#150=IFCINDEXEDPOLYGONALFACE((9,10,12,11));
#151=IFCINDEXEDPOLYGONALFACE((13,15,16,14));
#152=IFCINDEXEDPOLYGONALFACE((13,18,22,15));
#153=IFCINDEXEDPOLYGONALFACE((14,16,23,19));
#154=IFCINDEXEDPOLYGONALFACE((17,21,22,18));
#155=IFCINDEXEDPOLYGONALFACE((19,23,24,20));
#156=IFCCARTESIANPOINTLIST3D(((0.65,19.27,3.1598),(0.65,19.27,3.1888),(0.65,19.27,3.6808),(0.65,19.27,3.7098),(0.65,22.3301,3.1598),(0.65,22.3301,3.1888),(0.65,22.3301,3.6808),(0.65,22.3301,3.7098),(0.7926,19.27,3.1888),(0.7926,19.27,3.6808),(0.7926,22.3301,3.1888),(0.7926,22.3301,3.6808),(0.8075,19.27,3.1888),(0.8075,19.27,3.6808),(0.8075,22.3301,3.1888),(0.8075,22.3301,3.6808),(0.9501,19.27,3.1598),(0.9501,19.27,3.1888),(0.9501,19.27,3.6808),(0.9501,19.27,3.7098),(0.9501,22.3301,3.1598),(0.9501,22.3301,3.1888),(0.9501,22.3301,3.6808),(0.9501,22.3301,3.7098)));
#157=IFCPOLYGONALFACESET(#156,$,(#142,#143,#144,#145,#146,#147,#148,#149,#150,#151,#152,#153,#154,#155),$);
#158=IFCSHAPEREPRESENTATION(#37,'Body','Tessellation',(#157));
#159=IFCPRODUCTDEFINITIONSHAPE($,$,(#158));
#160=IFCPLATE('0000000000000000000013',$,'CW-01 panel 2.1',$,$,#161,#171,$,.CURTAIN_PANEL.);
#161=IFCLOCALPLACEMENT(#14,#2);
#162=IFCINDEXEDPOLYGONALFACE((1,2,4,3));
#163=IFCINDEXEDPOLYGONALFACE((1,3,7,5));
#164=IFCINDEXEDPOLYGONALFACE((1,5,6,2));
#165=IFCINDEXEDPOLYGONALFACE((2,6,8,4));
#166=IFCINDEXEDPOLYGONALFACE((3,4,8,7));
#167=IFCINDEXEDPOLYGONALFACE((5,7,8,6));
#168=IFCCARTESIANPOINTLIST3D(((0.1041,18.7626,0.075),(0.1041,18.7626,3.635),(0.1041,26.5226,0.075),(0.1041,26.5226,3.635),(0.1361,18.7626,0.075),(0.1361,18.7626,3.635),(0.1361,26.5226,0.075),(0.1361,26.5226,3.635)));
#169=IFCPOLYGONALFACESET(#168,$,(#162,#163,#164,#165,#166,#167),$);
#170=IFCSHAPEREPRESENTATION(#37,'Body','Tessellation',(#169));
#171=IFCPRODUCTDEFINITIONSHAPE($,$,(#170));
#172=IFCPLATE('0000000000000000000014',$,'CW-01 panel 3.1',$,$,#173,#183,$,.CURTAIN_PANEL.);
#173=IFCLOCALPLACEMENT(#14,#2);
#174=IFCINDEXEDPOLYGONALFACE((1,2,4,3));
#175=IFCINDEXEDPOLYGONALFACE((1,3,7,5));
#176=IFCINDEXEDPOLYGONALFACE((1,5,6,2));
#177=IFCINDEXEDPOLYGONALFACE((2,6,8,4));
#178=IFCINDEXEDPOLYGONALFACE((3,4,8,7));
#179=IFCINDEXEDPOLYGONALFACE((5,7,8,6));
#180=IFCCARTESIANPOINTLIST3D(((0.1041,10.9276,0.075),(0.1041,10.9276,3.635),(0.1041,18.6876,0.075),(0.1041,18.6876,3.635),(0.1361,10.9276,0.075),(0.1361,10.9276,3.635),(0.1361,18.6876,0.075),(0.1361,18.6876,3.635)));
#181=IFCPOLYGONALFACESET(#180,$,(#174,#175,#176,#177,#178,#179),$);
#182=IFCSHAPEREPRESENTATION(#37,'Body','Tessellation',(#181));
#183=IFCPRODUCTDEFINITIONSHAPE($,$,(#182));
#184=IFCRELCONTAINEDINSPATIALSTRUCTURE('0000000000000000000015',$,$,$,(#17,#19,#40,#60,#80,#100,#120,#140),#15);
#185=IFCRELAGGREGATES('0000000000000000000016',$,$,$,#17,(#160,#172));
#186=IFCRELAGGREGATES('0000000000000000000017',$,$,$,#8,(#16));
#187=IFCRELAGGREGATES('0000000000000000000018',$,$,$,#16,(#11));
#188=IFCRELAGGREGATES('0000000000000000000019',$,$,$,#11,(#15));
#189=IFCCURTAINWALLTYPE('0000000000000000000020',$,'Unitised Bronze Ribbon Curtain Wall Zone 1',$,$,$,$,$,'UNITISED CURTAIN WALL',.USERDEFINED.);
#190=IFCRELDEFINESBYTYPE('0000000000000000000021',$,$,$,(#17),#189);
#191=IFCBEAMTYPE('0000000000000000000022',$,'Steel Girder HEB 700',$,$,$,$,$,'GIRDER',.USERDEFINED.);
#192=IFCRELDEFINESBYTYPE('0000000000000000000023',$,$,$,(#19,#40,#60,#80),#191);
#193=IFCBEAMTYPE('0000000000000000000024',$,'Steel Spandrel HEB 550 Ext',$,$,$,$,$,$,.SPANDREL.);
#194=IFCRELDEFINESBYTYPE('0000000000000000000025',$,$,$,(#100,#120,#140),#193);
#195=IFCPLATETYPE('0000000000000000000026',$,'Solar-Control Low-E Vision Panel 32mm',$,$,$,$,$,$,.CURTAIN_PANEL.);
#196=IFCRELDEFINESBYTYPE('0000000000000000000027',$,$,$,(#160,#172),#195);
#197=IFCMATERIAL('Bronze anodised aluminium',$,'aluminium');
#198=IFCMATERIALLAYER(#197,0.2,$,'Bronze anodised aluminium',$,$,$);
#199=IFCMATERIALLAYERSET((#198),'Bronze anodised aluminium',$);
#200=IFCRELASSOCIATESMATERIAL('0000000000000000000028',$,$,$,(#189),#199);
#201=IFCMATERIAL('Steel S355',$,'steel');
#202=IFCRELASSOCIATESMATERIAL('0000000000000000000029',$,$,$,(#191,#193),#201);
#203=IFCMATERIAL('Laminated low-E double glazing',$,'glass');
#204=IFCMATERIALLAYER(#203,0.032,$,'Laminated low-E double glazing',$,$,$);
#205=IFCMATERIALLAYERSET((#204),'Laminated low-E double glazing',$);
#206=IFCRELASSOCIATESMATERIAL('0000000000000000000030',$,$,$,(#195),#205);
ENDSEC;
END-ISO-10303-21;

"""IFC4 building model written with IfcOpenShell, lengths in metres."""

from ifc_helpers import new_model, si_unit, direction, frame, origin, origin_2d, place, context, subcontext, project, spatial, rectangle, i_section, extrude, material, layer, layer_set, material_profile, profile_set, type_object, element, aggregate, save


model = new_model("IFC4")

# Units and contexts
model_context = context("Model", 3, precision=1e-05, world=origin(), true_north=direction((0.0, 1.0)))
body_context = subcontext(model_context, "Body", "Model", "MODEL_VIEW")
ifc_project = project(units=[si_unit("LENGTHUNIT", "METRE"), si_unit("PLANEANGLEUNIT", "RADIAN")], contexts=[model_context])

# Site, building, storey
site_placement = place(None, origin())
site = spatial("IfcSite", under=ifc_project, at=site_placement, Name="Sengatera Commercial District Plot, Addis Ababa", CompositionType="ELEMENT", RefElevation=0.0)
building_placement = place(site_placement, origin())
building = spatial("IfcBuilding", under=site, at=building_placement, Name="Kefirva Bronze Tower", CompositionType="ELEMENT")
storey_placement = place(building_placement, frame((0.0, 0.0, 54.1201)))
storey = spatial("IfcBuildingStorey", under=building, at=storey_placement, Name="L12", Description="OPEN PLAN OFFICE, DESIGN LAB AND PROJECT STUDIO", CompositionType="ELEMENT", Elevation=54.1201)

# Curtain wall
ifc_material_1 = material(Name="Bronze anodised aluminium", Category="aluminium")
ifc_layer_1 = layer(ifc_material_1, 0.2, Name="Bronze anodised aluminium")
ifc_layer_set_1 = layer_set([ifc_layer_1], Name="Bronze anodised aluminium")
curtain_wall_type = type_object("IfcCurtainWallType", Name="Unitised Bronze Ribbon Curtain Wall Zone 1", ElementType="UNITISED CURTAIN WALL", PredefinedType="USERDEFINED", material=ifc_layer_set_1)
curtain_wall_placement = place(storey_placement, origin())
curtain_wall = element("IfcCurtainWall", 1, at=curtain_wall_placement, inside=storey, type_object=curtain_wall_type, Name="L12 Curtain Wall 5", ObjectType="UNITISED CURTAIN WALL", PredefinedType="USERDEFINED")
——————————
> [What you should do]:
Say how many of the lines above include the string "origin", and give no other words.

> [Exercise output]:
5